(What to produce) Scan the data beneath this task and copy each line that includes "NOTDEFINED".

(Records for processing)

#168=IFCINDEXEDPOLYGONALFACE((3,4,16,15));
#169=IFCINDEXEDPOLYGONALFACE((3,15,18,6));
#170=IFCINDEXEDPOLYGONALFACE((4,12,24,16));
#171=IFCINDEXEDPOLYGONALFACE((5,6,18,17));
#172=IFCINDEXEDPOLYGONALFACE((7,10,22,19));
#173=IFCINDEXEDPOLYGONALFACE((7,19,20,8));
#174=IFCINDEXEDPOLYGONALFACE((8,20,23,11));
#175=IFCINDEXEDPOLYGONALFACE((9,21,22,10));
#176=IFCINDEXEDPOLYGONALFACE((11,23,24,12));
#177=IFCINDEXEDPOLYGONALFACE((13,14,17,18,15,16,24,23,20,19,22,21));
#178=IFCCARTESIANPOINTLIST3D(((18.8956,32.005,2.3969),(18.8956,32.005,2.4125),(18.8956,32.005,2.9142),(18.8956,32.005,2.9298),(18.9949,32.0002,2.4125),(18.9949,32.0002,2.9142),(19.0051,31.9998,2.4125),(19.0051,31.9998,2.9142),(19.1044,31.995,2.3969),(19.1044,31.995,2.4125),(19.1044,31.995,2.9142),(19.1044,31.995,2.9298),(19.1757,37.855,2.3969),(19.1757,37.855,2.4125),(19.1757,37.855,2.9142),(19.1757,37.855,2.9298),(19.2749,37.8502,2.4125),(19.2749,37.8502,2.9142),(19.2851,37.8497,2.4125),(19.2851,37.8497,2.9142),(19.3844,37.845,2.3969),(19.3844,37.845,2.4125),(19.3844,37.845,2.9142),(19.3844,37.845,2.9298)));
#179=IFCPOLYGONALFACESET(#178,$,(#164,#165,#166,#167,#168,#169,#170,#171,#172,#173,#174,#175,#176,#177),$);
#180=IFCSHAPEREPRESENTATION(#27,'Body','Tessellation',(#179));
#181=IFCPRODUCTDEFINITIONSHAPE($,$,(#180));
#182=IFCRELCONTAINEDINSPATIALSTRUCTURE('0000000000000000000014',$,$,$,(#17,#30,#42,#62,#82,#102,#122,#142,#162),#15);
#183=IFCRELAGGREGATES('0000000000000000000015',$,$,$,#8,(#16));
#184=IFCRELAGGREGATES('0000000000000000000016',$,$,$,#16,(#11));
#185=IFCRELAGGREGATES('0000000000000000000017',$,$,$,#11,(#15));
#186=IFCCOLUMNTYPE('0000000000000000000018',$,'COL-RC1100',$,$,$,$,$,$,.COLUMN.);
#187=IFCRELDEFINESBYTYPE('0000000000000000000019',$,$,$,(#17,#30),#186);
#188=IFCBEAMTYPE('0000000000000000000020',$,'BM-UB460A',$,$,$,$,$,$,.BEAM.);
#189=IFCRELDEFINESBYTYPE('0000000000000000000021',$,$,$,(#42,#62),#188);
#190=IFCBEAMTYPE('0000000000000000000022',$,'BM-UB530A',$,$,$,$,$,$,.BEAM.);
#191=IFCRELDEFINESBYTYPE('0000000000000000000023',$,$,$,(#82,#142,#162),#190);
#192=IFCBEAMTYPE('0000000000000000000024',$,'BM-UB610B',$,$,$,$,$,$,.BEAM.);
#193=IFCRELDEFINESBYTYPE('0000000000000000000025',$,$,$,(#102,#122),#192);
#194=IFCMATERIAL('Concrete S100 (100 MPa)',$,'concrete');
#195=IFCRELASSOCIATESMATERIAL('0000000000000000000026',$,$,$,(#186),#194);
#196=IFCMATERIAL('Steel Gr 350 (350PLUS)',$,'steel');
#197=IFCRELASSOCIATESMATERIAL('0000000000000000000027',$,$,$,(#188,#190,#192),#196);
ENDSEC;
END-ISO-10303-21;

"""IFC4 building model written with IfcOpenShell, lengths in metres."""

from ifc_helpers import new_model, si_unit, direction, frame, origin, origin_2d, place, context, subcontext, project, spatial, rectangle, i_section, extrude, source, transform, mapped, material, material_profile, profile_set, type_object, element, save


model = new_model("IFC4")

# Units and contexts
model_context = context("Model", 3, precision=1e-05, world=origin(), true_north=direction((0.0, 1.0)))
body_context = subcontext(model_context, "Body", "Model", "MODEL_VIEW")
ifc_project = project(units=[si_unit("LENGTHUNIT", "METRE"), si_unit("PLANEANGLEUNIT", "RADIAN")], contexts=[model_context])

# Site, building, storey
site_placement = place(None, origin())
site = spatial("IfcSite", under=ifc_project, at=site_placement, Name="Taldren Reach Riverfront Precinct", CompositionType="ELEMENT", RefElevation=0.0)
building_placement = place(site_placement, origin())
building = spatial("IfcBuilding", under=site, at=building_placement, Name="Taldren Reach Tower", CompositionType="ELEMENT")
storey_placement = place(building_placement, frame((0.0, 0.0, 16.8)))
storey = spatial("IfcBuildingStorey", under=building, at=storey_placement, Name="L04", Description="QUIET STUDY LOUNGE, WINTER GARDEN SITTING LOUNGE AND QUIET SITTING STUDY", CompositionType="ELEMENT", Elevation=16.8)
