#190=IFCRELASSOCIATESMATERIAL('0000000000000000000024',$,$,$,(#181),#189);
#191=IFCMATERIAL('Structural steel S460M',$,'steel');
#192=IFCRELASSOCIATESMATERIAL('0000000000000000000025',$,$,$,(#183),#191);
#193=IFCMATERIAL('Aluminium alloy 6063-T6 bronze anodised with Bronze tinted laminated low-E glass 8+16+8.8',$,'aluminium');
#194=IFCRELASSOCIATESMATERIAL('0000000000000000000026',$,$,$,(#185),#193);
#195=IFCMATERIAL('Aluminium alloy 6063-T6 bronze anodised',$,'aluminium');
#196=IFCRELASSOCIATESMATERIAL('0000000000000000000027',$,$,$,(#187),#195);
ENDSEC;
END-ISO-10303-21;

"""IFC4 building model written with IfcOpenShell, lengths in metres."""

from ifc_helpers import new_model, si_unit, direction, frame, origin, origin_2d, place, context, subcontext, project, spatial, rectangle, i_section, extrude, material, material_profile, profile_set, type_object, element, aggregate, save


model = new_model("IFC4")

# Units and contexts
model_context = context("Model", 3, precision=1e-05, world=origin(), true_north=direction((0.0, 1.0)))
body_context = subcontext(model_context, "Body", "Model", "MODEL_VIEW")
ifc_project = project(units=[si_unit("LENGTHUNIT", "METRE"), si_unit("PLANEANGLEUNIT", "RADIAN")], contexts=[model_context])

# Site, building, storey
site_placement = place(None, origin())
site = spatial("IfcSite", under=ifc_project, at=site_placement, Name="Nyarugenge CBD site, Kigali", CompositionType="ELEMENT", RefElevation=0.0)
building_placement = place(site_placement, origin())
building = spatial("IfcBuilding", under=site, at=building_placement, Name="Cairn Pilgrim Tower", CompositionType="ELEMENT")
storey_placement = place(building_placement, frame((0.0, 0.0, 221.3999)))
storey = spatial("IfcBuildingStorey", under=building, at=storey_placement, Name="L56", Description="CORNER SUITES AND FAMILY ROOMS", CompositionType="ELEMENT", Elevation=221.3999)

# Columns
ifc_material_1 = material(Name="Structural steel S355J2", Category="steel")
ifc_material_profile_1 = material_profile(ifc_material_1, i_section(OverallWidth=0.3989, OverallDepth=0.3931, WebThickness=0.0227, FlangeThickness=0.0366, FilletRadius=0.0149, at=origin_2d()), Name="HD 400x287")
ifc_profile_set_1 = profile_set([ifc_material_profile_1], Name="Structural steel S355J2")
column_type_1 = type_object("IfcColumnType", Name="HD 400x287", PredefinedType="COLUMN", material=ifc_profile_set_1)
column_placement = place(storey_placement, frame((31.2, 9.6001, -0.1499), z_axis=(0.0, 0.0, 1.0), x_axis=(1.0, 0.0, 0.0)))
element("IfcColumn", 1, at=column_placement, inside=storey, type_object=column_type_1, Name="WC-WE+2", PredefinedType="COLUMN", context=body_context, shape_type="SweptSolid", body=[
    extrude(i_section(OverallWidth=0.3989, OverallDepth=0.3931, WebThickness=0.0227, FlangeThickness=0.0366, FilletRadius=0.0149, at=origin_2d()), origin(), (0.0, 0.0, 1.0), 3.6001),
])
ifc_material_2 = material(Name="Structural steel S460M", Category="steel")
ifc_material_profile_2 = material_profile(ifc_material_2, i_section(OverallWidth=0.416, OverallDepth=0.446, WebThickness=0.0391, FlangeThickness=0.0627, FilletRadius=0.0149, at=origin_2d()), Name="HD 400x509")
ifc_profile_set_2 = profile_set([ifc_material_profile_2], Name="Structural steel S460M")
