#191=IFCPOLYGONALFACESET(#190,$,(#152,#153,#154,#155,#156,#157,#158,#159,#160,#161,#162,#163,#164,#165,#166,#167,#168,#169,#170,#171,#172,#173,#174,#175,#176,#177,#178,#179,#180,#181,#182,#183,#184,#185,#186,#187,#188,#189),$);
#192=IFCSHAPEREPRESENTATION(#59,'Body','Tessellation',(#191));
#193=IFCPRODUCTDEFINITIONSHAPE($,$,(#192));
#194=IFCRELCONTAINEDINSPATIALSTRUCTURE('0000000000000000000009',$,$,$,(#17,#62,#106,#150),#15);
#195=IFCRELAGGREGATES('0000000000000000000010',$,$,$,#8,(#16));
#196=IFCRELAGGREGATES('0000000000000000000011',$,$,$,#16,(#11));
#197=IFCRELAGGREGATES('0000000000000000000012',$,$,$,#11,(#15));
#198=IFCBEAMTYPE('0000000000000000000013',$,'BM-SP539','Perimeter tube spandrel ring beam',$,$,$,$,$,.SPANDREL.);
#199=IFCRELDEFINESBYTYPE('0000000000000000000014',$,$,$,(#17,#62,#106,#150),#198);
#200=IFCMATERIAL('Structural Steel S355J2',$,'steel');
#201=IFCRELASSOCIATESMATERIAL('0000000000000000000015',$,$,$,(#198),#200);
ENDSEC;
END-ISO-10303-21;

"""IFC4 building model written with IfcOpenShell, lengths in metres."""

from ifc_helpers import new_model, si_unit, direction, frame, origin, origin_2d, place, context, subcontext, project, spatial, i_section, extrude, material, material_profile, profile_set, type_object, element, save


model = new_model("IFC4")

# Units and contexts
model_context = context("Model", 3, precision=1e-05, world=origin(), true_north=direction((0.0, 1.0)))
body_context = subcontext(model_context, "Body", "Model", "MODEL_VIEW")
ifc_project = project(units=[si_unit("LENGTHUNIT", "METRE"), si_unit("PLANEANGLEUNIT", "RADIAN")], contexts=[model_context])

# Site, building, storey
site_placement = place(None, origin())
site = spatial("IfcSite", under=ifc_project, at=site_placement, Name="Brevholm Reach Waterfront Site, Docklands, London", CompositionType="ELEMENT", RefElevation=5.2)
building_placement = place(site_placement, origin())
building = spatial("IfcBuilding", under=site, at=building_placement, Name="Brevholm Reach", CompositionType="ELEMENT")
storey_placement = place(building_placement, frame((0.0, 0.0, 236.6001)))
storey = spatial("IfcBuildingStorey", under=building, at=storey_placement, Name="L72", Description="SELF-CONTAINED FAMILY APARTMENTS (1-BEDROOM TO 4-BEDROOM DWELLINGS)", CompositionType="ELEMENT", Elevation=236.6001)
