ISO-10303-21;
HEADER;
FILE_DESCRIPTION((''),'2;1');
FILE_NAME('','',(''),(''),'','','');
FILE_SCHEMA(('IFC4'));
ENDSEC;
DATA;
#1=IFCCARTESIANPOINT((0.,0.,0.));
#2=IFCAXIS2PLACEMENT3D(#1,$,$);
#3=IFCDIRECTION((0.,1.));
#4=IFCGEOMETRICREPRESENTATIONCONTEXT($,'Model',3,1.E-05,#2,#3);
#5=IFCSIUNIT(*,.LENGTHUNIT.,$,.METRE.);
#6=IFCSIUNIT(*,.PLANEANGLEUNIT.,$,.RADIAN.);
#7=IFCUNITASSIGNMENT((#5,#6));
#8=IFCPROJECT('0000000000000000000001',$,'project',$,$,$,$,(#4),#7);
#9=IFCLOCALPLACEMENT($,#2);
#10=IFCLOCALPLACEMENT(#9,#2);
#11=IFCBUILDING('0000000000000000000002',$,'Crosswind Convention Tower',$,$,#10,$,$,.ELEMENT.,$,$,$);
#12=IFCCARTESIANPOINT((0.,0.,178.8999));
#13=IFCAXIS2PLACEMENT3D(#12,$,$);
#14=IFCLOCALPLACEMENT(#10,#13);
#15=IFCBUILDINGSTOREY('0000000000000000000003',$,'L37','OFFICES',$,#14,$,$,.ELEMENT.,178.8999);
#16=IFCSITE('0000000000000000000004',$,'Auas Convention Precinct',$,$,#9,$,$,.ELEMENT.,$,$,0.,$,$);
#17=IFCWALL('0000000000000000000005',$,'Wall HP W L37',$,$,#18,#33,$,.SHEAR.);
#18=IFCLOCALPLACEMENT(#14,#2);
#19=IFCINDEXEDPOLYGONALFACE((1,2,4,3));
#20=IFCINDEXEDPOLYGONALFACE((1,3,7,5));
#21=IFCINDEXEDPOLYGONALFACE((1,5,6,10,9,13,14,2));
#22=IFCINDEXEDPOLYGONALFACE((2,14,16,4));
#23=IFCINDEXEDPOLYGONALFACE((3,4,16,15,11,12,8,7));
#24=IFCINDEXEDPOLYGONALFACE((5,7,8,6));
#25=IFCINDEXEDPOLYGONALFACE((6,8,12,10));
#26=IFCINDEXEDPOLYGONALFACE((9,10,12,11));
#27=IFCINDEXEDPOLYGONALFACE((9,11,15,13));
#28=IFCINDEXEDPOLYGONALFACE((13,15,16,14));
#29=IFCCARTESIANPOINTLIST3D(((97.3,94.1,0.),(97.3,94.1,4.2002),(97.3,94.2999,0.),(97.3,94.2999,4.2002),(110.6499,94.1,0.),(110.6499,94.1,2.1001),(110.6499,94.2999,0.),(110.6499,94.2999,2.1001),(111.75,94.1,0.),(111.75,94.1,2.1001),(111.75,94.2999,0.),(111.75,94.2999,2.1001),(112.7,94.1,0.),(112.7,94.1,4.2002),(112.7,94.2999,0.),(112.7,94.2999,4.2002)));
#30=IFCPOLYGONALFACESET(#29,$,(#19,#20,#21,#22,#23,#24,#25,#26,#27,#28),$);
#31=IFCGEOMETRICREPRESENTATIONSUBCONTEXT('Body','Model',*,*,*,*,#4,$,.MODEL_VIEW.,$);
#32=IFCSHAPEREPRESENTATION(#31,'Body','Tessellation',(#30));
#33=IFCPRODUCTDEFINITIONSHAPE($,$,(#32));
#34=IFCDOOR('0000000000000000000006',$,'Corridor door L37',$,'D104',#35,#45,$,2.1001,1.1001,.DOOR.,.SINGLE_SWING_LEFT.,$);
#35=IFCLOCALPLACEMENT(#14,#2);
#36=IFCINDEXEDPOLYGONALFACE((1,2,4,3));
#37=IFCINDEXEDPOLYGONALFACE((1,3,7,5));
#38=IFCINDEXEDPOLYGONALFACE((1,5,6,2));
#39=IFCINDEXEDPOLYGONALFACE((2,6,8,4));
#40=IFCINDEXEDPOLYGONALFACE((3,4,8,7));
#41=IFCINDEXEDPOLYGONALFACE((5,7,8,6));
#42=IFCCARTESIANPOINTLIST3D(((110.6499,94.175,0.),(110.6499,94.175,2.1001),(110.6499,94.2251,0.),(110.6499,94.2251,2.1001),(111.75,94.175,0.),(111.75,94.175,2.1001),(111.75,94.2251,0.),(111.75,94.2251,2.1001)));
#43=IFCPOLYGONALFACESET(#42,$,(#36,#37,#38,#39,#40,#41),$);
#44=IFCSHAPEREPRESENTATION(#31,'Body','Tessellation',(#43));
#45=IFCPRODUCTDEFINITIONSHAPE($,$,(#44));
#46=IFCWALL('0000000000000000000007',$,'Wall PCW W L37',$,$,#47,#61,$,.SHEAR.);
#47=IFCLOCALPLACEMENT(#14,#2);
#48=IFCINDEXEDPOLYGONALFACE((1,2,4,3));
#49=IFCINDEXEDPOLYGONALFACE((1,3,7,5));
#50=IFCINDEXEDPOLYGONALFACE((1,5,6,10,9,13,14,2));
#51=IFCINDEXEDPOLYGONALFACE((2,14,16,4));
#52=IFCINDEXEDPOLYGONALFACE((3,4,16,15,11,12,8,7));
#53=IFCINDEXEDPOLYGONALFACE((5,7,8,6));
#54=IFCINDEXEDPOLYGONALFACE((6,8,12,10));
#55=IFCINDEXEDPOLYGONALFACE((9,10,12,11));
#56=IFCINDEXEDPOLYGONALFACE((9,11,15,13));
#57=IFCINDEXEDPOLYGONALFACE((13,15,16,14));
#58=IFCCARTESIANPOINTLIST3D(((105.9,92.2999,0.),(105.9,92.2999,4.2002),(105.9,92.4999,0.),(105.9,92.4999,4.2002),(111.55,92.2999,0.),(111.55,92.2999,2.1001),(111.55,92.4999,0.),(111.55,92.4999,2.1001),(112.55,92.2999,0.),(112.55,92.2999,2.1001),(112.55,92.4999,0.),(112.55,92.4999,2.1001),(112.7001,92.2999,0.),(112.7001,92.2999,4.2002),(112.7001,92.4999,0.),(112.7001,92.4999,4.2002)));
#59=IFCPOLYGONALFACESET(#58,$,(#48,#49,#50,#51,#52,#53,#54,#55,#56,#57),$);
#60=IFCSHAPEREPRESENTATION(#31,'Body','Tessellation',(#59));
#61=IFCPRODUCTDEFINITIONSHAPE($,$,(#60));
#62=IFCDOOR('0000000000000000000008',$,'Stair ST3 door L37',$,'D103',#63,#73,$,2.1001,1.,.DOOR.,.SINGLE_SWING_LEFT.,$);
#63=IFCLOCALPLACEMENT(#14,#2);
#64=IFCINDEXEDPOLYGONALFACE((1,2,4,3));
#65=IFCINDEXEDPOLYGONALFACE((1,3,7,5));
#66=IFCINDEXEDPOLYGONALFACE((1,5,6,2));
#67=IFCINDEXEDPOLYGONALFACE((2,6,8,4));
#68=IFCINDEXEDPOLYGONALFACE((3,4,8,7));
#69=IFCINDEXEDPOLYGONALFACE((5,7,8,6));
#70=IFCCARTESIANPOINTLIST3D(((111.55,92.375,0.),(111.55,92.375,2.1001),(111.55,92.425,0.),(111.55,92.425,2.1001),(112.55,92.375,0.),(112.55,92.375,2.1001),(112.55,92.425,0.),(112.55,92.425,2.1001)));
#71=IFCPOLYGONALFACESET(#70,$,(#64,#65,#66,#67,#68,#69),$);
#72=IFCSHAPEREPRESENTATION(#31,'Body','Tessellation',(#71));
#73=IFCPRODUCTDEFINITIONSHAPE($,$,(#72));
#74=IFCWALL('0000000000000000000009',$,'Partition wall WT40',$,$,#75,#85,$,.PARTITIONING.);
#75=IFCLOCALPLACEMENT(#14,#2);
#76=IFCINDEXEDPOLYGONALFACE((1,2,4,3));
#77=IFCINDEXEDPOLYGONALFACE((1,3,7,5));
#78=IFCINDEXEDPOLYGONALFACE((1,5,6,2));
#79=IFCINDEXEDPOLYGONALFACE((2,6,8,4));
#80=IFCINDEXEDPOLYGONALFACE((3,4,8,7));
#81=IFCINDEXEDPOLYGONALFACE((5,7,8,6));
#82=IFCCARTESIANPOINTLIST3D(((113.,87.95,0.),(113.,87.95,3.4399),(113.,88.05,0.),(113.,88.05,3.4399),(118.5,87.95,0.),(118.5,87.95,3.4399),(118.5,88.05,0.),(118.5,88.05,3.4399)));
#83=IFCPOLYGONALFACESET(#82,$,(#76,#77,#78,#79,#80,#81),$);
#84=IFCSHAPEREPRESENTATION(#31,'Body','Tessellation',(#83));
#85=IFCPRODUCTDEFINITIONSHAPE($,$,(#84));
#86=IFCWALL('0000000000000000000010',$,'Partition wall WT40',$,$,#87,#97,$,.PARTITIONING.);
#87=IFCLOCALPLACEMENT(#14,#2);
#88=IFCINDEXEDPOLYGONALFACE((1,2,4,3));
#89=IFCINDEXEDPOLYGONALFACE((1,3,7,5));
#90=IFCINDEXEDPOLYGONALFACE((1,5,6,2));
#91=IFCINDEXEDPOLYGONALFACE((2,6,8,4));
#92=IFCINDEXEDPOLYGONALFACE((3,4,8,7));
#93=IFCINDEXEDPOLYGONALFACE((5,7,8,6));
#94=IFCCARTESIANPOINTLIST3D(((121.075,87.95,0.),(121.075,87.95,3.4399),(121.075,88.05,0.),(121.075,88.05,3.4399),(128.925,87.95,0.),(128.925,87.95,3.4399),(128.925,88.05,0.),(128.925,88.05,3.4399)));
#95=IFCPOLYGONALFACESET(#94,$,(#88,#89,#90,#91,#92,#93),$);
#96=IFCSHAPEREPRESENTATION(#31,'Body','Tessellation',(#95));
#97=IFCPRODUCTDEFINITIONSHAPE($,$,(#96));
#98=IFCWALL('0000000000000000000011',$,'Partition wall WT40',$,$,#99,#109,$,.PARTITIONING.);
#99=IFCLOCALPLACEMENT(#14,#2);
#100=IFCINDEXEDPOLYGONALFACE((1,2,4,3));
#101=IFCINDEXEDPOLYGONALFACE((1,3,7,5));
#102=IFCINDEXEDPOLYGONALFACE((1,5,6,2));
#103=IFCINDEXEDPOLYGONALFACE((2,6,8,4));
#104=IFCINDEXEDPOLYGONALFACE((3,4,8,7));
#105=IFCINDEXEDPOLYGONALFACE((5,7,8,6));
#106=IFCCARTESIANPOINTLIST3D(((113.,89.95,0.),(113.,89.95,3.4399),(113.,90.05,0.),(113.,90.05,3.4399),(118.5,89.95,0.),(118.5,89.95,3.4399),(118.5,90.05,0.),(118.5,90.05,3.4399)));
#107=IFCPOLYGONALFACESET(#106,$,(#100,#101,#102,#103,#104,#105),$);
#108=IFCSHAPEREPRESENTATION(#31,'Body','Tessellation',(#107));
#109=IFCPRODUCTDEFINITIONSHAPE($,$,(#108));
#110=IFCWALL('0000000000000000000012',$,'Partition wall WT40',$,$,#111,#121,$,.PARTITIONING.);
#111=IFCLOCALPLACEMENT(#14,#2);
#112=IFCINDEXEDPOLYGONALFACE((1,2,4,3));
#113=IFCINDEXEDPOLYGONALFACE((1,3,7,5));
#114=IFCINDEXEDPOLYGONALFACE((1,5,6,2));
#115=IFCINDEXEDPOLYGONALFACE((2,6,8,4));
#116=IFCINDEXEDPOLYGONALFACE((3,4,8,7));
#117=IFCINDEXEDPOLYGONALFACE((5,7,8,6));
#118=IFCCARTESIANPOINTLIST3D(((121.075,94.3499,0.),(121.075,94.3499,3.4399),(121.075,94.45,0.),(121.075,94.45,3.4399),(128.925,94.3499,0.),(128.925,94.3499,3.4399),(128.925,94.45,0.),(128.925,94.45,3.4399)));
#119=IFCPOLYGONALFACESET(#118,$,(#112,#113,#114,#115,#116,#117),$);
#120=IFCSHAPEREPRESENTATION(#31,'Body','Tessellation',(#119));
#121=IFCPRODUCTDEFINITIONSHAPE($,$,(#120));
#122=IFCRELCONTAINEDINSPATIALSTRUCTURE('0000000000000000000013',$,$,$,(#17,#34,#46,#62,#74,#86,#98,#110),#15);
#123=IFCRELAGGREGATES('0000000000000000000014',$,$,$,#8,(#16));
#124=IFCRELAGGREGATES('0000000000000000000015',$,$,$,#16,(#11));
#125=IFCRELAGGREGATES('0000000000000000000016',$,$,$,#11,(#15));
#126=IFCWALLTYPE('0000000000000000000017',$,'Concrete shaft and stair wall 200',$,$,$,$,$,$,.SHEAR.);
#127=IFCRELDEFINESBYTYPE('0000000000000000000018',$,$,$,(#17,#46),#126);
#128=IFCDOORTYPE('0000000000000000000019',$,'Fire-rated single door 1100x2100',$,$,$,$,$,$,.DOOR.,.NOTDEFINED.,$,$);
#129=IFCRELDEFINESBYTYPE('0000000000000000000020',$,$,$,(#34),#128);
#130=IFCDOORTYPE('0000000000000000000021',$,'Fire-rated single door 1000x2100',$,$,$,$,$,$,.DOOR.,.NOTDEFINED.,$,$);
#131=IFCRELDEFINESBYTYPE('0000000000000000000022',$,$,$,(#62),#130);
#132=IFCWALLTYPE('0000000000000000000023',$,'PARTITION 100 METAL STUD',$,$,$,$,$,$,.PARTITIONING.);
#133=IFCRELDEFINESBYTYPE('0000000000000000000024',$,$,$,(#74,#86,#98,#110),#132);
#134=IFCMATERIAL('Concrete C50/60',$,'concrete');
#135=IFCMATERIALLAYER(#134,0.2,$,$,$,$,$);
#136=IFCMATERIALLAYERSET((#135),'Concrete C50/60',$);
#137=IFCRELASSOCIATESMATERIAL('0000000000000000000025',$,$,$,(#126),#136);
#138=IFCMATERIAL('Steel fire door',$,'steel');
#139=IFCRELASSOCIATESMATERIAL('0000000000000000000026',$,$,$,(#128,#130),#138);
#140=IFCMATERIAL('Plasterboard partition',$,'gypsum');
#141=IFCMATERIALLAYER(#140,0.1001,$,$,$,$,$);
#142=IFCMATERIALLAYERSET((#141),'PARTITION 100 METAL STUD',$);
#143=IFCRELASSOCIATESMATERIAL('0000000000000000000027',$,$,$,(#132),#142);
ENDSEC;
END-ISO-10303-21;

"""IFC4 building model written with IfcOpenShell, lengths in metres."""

from ifc_helpers import new_model, si_unit, direction, frame, frame_2d, origin, place, context, subcontext, project, spatial, rectangle, extrude, material, layer, layer_set, type_object, element, fill, save


model = new_model("IFC4")

# Units and contexts
model_context = context("Model", 3, precision=1e-05, world=origin(), true_north=direction((0.0, 1.0)))
body_context = subcontext(model_context, "Body", "Model", "MODEL_VIEW")
ifc_project = project(units=[si_unit("LENGTHUNIT", "METRE"), si_unit("PLANEANGLEUNIT", "RADIAN")], contexts=[model_context])

# Site, building, storey
site_placement = place(None, origin())
site = spatial("IfcSite", under=ifc_project, at=site_placement, Name="Auas Convention Precinct", CompositionType="ELEMENT", RefElevation=0.0)
building_placement = place(site_placement, origin())
building = spatial("IfcBuilding", under=site, at=building_placement, Name="Crosswind Convention Tower", CompositionType="ELEMENT")
storey_placement = place(building_placement, frame((0.0, 0.0, 178.8999)))
storey = spatial("IfcBuildingStorey", under=building, at=storey_placement, Name="L37", Description="OFFICES", CompositionType="ELEMENT", Elevation=178.8999)

# Shared definitions
ifc_material_1 = material(Name="Concrete C50/60", Category="concrete")

# Walls, openings, doors
ifc_layer_1 = layer(ifc_material_1, 0.2)
ifc_layer_set_1 = layer_set([ifc_layer_1], Name="Concrete C50/60")
wall_type_1 = type_object("IfcWallType", Name="Concrete shaft and stair wall 200", PredefinedType="SHEAR", material=ifc_layer_set_1)
wall_1_placement = place(storey_placement, frame((112.7, 94.2, 0.0), z_axis=(0.0, 0.0, 1.0), x_axis=(-1.0, 0.0, 0.0)))
wall_1 = element("IfcWall", 1, at=wall_1_placement, inside=storey, type_object=wall_type_1, Name="Wall HP W L37", PredefinedType="SHEAR", context=body_context, shape_type="SweptSolid", body=[
    extrude(rectangle(XDim=15.3999, YDim=0.2, at=frame_2d((7.7, 0.0))), origin(), (0.0, 0.0, 1.0), 4.2002),
])
opening_1_placement = place(wall_1_placement, frame((0.95, 0.0, 0.0)))
opening_1 = element("IfcOpeningElement", 2, at=opening_1_placement, cuts=wall_1, PredefinedType="OPENING", context=body_context, shape_type="SweptSolid", body=[
    extrude(rectangle(XDim=1.1001, YDim=2.1001, at=frame_2d((0.55, 1.05))), frame((0.0, 0.1099, 0.0), z_axis=(0.0, -1.0, 0.0), x_axis=(1.0, 0.0, 0.0)), (0.0, 0.0, 1.0), 0.22),
])
ifc_material_2 = material(Name="Steel fire door", Category="steel")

(Exercise response)
#128=IFCDOORTYPE('0000000000000000000019',$,'Fire-rated single door 1100x2100',$,$,$,$,$,$,.DOOR.,.NOTDEFINED.,$,$);
#130=IFCDOORTYPE('0000000000000000000021',$,'Fire-rated single door 1000x2100',$,$,$,$,$,$,.DOOR.,.NOTDEFINED.,$,$);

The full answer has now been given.